Line by line, reproduce the material below exactly.

== RECORDS SHOWN

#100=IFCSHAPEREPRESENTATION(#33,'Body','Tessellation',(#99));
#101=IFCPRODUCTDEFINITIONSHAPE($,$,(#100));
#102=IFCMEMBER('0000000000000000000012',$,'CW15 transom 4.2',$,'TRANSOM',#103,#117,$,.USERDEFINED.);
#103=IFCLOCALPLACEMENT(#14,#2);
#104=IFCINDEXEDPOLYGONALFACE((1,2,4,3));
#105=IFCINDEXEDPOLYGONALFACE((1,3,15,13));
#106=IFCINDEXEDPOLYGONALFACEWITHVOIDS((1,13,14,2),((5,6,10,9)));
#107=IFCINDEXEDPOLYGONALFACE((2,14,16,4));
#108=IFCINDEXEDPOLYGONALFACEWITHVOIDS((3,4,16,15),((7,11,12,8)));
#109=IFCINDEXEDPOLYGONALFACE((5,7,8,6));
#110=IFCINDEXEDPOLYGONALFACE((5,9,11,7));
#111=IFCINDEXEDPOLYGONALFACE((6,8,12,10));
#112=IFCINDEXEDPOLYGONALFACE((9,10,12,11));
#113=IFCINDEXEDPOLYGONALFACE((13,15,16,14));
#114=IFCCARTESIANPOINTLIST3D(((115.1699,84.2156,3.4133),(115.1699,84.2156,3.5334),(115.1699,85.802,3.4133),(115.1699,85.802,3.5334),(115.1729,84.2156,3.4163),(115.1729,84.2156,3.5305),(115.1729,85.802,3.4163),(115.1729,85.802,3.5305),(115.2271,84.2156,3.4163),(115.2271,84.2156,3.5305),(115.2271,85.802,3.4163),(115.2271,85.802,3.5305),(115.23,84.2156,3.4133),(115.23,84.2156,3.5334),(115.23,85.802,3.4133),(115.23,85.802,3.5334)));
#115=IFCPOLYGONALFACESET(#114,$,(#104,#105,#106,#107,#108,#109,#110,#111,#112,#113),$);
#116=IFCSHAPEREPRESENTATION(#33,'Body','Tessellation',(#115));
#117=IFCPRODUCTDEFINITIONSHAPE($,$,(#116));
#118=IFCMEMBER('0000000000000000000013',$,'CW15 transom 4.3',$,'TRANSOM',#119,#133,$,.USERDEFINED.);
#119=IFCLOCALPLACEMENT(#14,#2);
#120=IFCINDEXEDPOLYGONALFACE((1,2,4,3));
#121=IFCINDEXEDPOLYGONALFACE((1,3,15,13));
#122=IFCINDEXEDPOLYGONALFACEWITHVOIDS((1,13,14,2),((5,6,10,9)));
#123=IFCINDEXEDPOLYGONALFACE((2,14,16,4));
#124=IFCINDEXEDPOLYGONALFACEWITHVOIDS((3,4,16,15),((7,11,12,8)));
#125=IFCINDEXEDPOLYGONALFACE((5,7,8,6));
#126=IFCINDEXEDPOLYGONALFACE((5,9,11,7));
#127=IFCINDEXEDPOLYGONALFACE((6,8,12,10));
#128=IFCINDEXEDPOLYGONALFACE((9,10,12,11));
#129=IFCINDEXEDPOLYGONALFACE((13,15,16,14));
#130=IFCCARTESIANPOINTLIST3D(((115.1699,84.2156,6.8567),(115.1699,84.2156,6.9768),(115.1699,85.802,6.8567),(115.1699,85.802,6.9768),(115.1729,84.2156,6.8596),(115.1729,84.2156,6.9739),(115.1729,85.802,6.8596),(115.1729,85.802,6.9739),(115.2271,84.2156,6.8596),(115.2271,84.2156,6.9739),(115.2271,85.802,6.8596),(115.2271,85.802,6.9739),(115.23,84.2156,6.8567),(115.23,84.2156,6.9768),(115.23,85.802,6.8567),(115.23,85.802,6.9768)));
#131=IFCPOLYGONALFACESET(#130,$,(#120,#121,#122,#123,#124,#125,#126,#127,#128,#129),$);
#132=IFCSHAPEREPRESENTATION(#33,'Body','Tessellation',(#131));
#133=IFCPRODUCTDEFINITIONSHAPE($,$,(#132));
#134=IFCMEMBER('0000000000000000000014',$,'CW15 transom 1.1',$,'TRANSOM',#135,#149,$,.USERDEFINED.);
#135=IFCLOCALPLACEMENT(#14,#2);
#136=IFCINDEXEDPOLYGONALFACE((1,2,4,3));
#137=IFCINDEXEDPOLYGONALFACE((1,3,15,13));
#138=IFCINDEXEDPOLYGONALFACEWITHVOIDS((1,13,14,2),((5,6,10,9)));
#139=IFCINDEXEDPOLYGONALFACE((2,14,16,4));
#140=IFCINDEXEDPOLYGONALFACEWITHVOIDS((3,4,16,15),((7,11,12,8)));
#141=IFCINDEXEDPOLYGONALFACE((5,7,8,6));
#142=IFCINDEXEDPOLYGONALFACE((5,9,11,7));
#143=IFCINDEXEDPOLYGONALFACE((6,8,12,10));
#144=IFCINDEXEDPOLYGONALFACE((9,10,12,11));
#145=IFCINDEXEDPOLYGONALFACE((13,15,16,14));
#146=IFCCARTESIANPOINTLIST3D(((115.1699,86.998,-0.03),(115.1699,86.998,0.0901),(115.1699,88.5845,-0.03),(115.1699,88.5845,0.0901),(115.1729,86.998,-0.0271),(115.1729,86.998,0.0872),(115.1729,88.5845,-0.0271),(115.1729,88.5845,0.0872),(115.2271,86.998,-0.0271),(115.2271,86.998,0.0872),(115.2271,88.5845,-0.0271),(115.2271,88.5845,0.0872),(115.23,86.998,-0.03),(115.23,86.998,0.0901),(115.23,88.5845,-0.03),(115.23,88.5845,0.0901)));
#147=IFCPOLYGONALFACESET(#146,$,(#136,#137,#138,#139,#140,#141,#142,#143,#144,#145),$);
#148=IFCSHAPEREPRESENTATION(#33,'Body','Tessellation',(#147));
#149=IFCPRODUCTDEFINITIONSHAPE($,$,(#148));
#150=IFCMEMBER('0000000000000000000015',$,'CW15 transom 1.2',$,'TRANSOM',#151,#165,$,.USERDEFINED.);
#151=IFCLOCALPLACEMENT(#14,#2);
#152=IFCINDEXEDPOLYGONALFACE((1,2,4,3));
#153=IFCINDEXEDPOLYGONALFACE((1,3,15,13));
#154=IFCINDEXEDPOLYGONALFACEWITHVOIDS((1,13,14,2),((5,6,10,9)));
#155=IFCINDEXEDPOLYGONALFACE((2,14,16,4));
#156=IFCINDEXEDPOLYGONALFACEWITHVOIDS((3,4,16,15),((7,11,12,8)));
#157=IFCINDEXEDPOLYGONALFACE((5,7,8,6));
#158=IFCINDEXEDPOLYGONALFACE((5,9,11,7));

====

## RESPONSE FOR THIS EXERCISE:
#100=IFCSHAPEREPRESENTATION(#33,'Body','Tessellation',(#99));
#101=IFCPRODUCTDEFINITIONSHAPE($,$,(#100));
#102=IFCMEMBER('0000000000000000000012',$,'CW15 transom 4.2',$,'TRANSOM',#103,#117,$,.USERDEFINED.);
#103=IFCLOCALPLACEMENT(#14,#2);
#104=IFCINDEXEDPOLYGONALFACE((1,2,4,3));
#105=IFCINDEXEDPOLYGONALFACE((1,3,15,13));
#106=IFCINDEXEDPOLYGONALFACEWITHVOIDS((1,13,14,2),((5,6,10,9)));
#107=IFCINDEXEDPOLYGONALFACE((2,14,16,4));
#108=IFCINDEXEDPOLYGONALFACEWITHVOIDS((3,4,16,15),((7,11,12,8)));
#109=IFCINDEXEDPOLYGONALFACE((5,7,8,6));
#110=IFCINDEXEDPOLYGONALFACE((5,9,11,7));
#111=IFCINDEXEDPOLYGONALFACE((6,8,12,10));
#112=IFCINDEXEDPOLYGONALFACE((9,10,12,11));
#113=IFCINDEXEDPOLYGONALFACE((13,15,16,14));
#114=IFCCARTESIANPOINTLIST3D(((115.1699,84.2156,3.4133),(115.1699,84.2156,3.5334),(115.1699,85.802,3.4133),(115.1699,85.802,3.5334),(115.1729,84.2156,3.4163),(115.1729,84.2156,3.5305),(115.1729,85.802,3.4163),(115.1729,85.802,3.5305),(115.2271,84.2156,3.4163),(115.2271,84.2156,3.5305),(115.2271,85.802,3.4163),(115.2271,85.802,3.5305),(115.23,84.2156,3.4133),(115.23,84.2156,3.5334),(115.23,85.802,3.4133),(115.23,85.802,3.5334)));
#115=IFCPOLYGONALFACESET(#114,$,(#104,#105,#106,#107,#108,#109,#110,#111,#112,#113),$);
#116=IFCSHAPEREPRESENTATION(#33,'Body','Tessellation',(#115));
#117=IFCPRODUCTDEFINITIONSHAPE($,$,(#116));
#118=IFCMEMBER('0000000000000000000013',$,'CW15 transom 4.3',$,'TRANSOM',#119,#133,$,.USERDEFINED.);
#119=IFCLOCALPLACEMENT(#14,#2);
#120=IFCINDEXEDPOLYGONALFACE((1,2,4,3));
#121=IFCINDEXEDPOLYGONALFACE((1,3,15,13));
#122=IFCINDEXEDPOLYGONALFACEWITHVOIDS((1,13,14,2),((5,6,10,9)));
#123=IFCINDEXEDPOLYGONALFACE((2,14,16,4));
#124=IFCINDEXEDPOLYGONALFACEWITHVOIDS((3,4,16,15),((7,11,12,8)));
#125=IFCINDEXEDPOLYGONALFACE((5,7,8,6));
#126=IFCINDEXEDPOLYGONALFACE((5,9,11,7));
#127=IFCINDEXEDPOLYGONALFACE((6,8,12,10));
#128=IFCINDEXEDPOLYGONALFACE((9,10,12,11));
#129=IFCINDEXEDPOLYGONALFACE((13,15,16,14));
#130=IFCCARTESIANPOINTLIST3D(((115.1699,84.2156,6.8567),(115.1699,84.2156,6.9768),(115.1699,85.802,6.8567),(115.1699,85.802,6.9768),(115.1729,84.2156,6.8596),(115.1729,84.2156,6.9739),(115.1729,85.802,6.8596),(115.1729,85.802,6.9739),(115.2271,84.2156,6.8596),(115.2271,84.2156,6.9739),(115.2271,85.802,6.8596),(115.2271,85.802,6.9739),(115.23,84.2156,6.8567),(115.23,84.2156,6.9768),(115.23,85.802,6.8567),(115.23,85.802,6.9768)));
#131=IFCPOLYGONALFACESET(#130,$,(#120,#121,#122,#123,#124,#125,#126,#127,#128,#129),$);
#132=IFCSHAPEREPRESENTATION(#33,'Body','Tessellation',(#131));
#133=IFCPRODUCTDEFINITIONSHAPE($,$,(#132));
#134=IFCMEMBER('0000000000000000000014',$,'CW15 transom 1.1',$,'TRANSOM',#135,#149,$,.USERDEFINED.);
#135=IFCLOCALPLACEMENT(#14,#2);
#136=IFCINDEXEDPOLYGONALFACE((1,2,4,3));
#137=IFCINDEXEDPOLYGONALFACE((1,3,15,13));
#138=IFCINDEXEDPOLYGONALFACEWITHVOIDS((1,13,14,2),((5,6,10,9)));
#139=IFCINDEXEDPOLYGONALFACE((2,14,16,4));
#140=IFCINDEXEDPOLYGONALFACEWITHVOIDS((3,4,16,15),((7,11,12,8)));
#141=IFCINDEXEDPOLYGONALFACE((5,7,8,6));
#142=IFCINDEXEDPOLYGONALFACE((5,9,11,7));
#143=IFCINDEXEDPOLYGONALFACE((6,8,12,10));
#144=IFCINDEXEDPOLYGONALFACE((9,10,12,11));
#145=IFCINDEXEDPOLYGONALFACE((13,15,16,14));
#146=IFCCARTESIANPOINTLIST3D(((115.1699,86.998,-0.03),(115.1699,86.998,0.0901),(115.1699,88.5845,-0.03),(115.1699,88.5845,0.0901),(115.1729,86.998,-0.0271),(115.1729,86.998,0.0872),(115.1729,88.5845,-0.0271),(115.1729,88.5845,0.0872),(115.2271,86.998,-0.0271),(115.2271,86.998,0.0872),(115.2271,88.5845,-0.0271),(115.2271,88.5845,0.0872),(115.23,86.998,-0.03),(115.23,86.998,0.0901),(115.23,88.5845,-0.03),(115.23,88.5845,0.0901)));
#147=IFCPOLYGONALFACESET(#146,$,(#136,#137,#138,#139,#140,#141,#142,#143,#144,#145),$);
#148=IFCSHAPEREPRESENTATION(#33,'Body','Tessellation',(#147));
#149=IFCPRODUCTDEFINITIONSHAPE($,$,(#148));
#150=IFCMEMBER('0000000000000000000015',$,'CW15 transom 1.2',$,'TRANSOM',#151,#165,$,.USERDEFINED.);
#151=IFCLOCALPLACEMENT(#14,#2);
#152=IFCINDEXEDPOLYGONALFACE((1,2,4,3));
#153=IFCINDEXEDPOLYGONALFACE((1,3,15,13));
#154=IFCINDEXEDPOLYGONALFACEWITHVOIDS((1,13,14,2),((5,6,10,9)));
#155=IFCINDEXEDPOLYGONALFACE((2,14,16,4));
#156=IFCINDEXEDPOLYGONALFACEWITHVOIDS((3,4,16,15),((7,11,12,8)));
#157=IFCINDEXEDPOLYGONALFACE((5,7,8,6));
#158=IFCINDEXEDPOLYGONALFACE((5,9,11,7));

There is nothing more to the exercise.